[Excerpted records]
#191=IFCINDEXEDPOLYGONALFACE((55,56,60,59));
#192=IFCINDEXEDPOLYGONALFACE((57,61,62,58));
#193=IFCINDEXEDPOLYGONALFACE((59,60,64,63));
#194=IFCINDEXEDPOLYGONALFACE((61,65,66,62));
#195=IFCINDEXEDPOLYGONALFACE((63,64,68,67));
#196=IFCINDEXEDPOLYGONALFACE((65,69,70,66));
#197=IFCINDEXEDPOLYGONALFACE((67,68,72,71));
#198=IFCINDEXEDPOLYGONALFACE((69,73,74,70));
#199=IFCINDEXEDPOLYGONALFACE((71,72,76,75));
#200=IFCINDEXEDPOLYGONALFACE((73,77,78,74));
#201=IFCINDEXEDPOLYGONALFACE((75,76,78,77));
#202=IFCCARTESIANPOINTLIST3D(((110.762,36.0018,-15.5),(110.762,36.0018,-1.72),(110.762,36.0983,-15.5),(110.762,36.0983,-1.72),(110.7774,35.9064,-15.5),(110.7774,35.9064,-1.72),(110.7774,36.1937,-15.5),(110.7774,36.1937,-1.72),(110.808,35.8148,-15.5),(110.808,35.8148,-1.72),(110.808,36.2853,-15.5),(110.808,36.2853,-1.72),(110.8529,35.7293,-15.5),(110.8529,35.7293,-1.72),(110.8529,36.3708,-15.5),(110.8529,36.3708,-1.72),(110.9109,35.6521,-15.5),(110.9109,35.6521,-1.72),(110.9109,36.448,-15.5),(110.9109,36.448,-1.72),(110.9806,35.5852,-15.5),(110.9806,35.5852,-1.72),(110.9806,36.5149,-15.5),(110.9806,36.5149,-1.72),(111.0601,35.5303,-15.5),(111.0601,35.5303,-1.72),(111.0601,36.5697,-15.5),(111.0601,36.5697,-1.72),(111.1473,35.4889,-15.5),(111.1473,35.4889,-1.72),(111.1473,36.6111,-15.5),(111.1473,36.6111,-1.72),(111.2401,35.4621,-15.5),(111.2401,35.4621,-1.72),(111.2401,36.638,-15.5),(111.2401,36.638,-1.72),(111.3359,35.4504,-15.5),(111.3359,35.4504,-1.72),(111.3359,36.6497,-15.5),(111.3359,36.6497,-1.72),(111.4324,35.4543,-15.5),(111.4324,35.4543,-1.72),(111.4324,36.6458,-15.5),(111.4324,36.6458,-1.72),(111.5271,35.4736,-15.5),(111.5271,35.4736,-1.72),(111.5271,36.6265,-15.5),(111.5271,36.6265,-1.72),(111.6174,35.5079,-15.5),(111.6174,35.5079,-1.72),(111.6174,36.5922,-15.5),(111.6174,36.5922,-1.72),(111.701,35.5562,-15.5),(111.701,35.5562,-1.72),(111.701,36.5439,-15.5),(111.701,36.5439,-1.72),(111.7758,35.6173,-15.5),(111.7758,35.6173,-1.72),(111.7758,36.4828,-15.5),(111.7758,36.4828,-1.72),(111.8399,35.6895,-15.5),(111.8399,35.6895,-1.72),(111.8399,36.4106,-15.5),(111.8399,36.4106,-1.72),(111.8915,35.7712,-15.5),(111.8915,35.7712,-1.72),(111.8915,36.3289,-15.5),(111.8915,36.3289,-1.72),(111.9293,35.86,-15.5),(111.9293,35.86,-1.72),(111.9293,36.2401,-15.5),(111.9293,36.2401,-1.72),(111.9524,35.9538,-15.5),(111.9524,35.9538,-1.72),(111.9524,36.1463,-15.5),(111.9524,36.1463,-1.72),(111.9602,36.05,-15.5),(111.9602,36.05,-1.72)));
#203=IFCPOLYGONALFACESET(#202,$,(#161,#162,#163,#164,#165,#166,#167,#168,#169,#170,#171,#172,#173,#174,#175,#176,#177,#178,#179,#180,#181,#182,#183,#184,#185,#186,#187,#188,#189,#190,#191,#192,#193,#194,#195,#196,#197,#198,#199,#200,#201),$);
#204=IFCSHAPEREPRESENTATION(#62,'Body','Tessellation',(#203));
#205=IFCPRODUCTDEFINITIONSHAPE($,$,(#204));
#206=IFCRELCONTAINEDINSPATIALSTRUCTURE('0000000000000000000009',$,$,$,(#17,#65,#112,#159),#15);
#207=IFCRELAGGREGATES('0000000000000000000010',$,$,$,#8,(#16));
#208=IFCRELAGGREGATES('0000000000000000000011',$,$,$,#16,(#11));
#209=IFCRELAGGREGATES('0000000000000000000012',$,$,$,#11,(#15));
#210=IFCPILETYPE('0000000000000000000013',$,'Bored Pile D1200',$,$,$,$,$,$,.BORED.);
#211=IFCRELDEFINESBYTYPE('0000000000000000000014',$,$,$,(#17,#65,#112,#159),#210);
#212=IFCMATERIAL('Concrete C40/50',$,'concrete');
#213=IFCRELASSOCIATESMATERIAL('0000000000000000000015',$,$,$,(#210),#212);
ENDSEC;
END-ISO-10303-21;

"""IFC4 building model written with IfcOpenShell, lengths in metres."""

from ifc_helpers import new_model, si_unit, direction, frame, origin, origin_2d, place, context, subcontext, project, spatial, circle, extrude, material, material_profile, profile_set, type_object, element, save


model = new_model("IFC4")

---

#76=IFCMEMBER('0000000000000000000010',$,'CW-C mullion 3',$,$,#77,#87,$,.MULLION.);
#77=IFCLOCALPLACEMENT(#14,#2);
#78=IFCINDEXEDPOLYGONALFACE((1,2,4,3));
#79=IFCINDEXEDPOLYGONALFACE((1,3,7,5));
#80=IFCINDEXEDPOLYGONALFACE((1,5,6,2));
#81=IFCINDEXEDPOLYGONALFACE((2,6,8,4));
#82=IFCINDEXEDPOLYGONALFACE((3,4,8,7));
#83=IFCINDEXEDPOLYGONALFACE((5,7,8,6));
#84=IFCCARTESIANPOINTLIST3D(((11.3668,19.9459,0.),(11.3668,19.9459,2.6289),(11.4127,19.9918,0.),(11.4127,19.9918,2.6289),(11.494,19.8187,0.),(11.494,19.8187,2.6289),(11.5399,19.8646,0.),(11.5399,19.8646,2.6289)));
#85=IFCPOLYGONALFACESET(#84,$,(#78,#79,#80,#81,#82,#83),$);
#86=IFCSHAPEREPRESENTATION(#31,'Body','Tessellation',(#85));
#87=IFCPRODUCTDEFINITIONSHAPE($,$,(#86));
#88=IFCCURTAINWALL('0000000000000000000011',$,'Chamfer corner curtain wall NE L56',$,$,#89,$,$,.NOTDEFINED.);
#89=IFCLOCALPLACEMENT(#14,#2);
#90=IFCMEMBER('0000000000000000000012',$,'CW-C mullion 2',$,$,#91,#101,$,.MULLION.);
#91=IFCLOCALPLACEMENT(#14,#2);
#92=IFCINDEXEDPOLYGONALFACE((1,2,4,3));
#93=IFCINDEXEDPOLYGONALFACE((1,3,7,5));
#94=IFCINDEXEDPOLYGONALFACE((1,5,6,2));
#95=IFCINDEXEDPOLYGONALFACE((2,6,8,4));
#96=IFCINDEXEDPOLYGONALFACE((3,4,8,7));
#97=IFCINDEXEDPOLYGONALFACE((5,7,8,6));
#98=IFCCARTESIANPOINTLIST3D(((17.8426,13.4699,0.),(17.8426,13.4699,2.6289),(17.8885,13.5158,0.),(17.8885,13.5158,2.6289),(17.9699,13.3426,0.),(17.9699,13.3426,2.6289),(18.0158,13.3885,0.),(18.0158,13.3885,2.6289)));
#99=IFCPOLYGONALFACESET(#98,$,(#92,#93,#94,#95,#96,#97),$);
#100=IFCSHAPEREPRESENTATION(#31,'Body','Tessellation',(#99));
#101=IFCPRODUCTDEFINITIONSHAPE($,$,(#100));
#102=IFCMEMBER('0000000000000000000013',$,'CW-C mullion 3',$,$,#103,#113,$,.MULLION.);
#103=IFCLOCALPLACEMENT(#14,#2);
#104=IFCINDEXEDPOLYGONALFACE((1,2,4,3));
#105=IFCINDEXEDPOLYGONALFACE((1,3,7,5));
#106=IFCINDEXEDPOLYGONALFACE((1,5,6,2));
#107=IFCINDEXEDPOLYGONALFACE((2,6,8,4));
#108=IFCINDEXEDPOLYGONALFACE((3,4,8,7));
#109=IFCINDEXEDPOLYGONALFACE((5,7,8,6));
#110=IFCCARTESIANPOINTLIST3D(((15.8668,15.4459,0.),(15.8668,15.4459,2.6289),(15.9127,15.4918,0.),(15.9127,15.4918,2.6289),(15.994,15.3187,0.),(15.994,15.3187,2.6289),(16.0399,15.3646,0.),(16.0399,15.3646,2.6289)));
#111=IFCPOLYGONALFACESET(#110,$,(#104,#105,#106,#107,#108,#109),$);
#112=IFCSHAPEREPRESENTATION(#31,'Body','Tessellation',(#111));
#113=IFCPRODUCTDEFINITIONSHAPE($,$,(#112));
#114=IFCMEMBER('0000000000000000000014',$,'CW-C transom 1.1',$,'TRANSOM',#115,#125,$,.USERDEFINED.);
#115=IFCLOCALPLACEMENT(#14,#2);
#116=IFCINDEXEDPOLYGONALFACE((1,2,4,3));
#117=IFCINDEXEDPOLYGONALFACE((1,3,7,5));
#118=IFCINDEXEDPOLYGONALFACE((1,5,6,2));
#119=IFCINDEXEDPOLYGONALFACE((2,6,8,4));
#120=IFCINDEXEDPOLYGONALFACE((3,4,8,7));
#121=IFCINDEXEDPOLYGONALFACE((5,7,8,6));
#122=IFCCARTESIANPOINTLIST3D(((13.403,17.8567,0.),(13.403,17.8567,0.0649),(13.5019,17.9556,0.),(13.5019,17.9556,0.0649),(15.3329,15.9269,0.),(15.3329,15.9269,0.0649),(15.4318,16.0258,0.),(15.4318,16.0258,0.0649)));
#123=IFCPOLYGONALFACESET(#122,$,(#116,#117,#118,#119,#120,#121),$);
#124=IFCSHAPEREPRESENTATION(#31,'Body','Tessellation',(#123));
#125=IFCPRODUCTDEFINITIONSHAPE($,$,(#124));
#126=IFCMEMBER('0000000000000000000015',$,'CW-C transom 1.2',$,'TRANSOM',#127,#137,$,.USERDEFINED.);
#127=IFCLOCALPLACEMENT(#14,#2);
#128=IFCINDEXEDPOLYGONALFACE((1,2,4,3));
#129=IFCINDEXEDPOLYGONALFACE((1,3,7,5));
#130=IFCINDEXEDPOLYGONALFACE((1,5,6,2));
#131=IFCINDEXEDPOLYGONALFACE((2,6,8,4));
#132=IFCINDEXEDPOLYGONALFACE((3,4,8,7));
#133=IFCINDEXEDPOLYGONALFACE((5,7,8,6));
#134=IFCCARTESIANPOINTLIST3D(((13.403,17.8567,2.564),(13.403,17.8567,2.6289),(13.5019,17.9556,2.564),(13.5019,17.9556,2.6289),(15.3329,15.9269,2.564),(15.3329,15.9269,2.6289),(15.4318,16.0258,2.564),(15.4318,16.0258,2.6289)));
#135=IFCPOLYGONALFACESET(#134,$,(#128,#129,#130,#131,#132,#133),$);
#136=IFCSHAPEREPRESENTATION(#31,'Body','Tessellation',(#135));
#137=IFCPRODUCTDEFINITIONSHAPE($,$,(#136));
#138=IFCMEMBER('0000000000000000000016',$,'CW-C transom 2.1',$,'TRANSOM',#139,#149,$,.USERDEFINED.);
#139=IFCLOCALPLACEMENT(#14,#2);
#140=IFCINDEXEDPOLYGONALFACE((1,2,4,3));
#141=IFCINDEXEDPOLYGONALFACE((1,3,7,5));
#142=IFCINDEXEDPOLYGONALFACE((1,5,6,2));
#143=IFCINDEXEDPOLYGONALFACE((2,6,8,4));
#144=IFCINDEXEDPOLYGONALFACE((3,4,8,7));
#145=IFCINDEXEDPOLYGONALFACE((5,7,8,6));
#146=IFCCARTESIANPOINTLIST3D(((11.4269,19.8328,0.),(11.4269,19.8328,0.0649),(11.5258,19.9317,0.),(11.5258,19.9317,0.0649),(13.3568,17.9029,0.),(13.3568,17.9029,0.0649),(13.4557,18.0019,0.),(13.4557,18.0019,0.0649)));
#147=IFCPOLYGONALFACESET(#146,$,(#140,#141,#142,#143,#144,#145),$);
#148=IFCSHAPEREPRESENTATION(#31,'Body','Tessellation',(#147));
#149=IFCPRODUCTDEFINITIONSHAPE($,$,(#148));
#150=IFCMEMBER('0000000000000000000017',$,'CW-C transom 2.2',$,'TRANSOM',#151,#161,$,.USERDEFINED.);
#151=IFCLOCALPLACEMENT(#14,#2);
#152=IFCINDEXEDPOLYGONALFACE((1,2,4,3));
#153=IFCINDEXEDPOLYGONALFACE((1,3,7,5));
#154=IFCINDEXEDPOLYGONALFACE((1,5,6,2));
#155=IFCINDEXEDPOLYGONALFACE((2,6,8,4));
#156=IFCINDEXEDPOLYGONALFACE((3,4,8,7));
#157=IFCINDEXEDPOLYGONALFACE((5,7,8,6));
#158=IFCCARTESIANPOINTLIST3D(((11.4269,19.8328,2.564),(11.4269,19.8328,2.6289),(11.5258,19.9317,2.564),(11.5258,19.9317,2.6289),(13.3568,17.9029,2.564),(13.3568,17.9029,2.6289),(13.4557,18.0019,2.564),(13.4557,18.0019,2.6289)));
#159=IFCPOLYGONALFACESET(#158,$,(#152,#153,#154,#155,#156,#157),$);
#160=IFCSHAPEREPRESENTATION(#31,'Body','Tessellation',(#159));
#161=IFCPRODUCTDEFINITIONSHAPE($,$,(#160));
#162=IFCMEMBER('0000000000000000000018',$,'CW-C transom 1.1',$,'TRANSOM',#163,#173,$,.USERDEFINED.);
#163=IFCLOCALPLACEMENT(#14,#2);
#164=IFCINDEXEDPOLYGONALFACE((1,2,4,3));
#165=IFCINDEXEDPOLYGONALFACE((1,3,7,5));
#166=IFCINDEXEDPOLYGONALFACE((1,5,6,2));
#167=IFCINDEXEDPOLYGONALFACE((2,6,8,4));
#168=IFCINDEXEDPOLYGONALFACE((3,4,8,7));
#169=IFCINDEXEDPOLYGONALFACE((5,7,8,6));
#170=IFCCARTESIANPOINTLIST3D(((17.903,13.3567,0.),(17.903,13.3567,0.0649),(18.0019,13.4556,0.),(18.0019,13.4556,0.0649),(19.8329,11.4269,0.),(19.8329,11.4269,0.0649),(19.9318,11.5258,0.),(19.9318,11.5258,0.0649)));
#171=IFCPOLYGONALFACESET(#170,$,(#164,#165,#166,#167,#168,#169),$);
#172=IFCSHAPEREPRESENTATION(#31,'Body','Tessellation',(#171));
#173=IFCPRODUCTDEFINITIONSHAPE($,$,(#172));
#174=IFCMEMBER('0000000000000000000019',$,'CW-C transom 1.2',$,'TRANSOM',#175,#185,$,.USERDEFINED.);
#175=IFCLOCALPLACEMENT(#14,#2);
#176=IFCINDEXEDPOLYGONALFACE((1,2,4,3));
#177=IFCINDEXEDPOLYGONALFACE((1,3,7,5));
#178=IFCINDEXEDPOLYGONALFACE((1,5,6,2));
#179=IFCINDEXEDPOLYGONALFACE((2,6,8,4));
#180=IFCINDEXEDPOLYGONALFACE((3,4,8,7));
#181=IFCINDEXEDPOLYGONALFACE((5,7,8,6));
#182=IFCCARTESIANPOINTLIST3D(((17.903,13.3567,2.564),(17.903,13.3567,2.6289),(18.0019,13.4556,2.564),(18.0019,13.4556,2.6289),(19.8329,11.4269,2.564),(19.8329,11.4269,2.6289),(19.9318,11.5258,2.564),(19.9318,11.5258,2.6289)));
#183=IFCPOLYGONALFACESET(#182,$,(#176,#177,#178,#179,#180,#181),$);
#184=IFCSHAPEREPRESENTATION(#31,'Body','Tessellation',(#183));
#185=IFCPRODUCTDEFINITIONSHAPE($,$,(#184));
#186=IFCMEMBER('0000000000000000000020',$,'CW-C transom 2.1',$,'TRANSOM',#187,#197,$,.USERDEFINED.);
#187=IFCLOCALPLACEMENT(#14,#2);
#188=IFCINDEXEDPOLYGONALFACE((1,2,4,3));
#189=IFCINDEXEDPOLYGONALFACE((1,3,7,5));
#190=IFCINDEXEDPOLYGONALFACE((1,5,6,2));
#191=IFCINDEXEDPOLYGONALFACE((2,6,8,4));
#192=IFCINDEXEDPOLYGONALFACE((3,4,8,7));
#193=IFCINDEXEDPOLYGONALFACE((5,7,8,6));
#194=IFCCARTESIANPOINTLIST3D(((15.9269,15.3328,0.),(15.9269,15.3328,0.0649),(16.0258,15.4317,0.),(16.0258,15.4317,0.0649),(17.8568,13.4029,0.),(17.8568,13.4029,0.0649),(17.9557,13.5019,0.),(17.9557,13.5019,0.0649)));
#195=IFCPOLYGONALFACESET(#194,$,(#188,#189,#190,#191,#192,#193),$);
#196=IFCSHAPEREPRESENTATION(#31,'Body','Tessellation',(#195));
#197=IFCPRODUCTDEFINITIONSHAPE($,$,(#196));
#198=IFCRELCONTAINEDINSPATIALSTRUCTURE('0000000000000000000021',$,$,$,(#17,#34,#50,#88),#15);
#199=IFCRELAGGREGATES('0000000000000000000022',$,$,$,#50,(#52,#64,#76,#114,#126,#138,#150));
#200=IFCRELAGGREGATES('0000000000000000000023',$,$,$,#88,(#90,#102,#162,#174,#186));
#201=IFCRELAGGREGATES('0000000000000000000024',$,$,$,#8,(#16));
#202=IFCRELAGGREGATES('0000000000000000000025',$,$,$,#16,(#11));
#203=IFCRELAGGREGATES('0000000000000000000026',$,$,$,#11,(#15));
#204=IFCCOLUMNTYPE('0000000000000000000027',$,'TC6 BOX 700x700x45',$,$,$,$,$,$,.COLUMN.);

[Work required]
Begin at the line above that has "#191=IFCINDEXEDPOLYGONALFACE((55,56,60,59));" and stop after the line that has "#200=IFCINDEXEDPOLYGONALFACE((73,77,78,74));", copying each line exactly and adding nothing else.

[Response to this task]
#191=IFCINDEXEDPOLYGONALFACE((55,56,60,59));
#192=IFCINDEXEDPOLYGONALFACE((57,61,62,58));
#193=IFCINDEXEDPOLYGONALFACE((59,60,64,63));
#194=IFCINDEXEDPOLYGONALFACE((61,65,66,62));
#195=IFCINDEXEDPOLYGONALFACE((63,64,68,67));
#196=IFCINDEXEDPOLYGONALFACE((65,69,70,66));
#197=IFCINDEXEDPOLYGONALFACE((67,68,72,71));
#198=IFCINDEXEDPOLYGONALFACE((69,73,74,70));
#199=IFCINDEXEDPOLYGONALFACE((71,72,76,75));
#200=IFCINDEXEDPOLYGONALFACE((73,77,78,74));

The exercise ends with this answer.